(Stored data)
★ ★ ★

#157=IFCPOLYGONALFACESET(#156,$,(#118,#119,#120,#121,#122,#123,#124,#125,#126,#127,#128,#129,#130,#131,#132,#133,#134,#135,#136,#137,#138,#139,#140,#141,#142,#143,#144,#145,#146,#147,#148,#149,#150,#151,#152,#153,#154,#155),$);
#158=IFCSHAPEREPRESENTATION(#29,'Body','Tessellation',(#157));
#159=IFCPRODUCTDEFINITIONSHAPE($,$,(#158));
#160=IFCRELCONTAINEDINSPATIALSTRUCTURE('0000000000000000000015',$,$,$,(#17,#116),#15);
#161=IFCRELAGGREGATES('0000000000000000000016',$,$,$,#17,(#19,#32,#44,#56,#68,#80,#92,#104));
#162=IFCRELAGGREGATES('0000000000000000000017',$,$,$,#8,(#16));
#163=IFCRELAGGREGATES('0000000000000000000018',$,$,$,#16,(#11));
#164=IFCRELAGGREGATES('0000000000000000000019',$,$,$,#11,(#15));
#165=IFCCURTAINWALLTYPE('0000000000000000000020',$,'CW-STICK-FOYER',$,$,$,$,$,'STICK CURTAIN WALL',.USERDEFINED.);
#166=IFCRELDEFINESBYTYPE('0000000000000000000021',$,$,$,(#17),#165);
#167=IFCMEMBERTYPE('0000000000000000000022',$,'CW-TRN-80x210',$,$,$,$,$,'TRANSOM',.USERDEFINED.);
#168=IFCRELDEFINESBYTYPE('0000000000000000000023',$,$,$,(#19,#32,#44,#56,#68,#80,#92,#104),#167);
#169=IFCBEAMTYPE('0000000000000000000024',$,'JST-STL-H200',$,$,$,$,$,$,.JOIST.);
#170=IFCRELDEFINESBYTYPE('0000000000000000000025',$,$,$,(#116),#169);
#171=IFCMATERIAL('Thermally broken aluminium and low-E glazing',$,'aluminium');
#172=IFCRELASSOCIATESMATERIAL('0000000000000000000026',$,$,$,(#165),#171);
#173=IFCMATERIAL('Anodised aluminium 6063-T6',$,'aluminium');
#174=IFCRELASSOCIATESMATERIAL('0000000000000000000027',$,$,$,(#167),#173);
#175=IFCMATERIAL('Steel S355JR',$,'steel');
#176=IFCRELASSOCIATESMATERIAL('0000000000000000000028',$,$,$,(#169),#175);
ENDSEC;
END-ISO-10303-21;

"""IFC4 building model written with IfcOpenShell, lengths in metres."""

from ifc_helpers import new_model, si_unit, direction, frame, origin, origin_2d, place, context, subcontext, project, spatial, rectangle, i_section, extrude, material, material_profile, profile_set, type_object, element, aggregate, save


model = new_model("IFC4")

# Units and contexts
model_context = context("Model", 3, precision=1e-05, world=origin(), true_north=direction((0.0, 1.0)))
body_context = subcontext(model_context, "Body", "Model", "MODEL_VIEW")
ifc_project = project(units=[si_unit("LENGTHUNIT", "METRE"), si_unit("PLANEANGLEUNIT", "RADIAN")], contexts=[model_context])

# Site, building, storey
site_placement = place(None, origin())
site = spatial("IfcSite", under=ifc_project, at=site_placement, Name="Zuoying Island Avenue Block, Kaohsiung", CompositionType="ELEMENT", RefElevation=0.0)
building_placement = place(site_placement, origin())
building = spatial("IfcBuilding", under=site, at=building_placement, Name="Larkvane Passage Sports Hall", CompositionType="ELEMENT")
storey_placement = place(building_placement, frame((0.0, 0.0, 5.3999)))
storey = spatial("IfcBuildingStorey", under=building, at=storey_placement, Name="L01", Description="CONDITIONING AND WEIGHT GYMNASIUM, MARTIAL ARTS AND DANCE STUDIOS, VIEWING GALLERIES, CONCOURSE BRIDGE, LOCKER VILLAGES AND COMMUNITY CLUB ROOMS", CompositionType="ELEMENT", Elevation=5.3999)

★ ★ ★

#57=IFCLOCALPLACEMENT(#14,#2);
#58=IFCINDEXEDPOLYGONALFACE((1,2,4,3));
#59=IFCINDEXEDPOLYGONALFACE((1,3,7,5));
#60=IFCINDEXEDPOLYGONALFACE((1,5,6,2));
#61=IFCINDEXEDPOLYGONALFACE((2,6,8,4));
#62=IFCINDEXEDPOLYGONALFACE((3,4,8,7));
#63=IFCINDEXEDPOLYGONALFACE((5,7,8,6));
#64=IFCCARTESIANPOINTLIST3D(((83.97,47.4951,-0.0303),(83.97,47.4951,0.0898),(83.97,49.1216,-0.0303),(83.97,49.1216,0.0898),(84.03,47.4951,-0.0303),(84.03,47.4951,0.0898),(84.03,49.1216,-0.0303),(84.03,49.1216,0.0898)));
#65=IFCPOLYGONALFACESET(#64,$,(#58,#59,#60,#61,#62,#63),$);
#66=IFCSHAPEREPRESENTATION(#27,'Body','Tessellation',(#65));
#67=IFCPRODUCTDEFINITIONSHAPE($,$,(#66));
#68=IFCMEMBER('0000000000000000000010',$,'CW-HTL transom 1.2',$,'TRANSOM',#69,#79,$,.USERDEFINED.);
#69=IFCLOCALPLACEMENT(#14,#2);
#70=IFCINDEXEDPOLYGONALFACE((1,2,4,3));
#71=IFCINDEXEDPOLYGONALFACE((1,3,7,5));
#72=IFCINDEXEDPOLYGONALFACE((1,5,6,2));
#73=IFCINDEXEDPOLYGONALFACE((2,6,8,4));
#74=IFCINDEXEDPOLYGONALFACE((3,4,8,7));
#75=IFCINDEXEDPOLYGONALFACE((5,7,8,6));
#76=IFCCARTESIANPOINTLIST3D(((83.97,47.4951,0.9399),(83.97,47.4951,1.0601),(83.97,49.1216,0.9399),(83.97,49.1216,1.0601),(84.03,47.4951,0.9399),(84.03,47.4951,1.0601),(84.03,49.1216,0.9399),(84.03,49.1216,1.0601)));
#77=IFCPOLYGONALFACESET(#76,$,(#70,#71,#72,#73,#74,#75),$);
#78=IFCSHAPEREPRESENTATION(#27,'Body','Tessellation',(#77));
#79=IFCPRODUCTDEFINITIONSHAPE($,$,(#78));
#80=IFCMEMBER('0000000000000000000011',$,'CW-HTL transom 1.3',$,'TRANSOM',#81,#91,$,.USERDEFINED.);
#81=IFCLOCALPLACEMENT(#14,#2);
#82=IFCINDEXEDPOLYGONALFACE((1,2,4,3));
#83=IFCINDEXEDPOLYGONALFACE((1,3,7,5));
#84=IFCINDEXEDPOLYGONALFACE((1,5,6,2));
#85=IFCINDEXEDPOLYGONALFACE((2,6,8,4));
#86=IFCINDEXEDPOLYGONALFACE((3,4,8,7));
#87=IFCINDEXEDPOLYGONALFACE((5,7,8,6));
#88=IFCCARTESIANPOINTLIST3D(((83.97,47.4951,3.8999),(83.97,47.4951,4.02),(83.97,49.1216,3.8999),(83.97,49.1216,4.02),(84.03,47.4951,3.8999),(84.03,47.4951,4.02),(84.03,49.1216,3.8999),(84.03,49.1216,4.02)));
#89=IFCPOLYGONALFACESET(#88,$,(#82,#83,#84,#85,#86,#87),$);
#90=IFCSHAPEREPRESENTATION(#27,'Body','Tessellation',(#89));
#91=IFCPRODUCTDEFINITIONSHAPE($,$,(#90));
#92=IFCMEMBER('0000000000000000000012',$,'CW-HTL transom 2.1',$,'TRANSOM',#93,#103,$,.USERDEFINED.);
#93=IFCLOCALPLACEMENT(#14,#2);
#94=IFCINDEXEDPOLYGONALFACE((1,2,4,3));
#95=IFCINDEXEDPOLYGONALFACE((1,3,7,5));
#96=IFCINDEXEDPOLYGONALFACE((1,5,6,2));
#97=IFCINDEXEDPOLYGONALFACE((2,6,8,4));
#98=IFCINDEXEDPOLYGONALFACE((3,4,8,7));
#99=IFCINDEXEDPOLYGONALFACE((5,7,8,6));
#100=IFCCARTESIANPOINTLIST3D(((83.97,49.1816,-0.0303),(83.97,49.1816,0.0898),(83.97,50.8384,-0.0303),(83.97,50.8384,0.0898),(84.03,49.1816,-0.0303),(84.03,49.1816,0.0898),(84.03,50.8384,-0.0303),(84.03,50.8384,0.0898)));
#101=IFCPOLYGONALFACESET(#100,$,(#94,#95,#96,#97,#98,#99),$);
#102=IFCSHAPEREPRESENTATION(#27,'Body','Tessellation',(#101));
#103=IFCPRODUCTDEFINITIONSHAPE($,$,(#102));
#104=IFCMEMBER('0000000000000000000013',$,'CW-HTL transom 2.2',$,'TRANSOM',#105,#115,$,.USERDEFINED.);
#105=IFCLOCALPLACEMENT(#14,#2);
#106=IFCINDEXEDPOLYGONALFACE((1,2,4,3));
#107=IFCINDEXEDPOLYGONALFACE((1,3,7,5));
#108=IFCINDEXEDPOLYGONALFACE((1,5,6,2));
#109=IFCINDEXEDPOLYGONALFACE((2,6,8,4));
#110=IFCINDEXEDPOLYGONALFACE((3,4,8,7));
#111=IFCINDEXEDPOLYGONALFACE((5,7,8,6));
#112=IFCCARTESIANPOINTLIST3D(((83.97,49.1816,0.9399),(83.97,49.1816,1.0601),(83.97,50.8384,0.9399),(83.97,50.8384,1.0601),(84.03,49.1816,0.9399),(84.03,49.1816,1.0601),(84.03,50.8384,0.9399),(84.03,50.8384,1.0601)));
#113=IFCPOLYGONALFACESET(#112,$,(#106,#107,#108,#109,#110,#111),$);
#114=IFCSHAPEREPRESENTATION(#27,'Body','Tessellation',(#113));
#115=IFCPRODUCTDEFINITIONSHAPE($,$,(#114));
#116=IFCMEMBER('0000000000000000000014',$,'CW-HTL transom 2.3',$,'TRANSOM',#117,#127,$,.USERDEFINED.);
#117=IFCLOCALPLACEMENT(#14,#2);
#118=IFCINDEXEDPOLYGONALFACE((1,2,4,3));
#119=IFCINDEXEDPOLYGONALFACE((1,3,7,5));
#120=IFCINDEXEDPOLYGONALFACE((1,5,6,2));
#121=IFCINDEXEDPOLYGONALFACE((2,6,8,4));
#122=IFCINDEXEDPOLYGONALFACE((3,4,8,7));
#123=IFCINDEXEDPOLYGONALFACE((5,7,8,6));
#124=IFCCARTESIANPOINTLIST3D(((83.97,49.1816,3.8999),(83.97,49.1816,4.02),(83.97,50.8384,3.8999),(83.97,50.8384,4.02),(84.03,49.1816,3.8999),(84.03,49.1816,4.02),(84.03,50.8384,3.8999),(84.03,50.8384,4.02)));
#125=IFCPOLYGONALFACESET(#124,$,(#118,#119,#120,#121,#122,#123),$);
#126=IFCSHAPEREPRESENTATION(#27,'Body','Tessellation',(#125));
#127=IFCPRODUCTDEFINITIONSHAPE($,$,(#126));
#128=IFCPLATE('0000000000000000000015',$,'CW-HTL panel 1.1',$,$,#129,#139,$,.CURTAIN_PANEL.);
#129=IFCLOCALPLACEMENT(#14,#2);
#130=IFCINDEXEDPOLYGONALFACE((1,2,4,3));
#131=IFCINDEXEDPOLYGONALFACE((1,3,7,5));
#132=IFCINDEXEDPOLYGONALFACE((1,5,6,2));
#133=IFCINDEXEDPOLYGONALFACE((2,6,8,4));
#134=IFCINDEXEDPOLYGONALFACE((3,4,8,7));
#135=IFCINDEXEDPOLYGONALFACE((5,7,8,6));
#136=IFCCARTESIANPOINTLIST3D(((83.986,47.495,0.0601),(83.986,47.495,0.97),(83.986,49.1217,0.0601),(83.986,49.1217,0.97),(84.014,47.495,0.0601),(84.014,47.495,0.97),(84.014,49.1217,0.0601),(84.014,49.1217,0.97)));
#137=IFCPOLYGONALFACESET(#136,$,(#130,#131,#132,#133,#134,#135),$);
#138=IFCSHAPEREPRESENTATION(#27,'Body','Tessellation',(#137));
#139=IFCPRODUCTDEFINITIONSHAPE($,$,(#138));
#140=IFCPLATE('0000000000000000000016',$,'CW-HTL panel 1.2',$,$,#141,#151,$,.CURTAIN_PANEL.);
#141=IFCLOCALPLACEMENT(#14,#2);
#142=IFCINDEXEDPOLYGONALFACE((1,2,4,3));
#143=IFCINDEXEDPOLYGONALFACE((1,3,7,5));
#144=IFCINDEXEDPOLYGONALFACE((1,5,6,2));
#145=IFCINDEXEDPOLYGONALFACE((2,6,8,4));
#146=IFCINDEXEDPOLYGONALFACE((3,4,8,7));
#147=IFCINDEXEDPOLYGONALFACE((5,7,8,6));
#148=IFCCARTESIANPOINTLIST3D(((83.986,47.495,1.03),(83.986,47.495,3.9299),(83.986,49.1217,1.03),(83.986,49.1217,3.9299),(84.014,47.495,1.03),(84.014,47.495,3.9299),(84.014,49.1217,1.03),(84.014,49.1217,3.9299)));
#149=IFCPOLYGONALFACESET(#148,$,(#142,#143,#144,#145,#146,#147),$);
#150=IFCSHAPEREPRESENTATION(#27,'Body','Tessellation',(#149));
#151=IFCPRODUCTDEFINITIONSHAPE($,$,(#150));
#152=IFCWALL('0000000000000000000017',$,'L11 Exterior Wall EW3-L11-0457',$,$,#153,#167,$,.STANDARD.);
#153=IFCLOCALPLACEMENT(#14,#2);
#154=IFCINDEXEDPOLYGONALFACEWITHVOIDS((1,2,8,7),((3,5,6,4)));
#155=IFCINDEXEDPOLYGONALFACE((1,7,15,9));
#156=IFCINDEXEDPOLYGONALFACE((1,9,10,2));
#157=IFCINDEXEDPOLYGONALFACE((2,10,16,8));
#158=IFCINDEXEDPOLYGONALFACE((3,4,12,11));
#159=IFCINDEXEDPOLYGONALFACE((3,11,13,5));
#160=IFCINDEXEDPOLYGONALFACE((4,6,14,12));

★ ★ ★

[AIM OF THE TASK]
Respond with a number only, please: how many lines in this data include the word "contexts".

[SOLUTION TO THIS EXERCISE]
2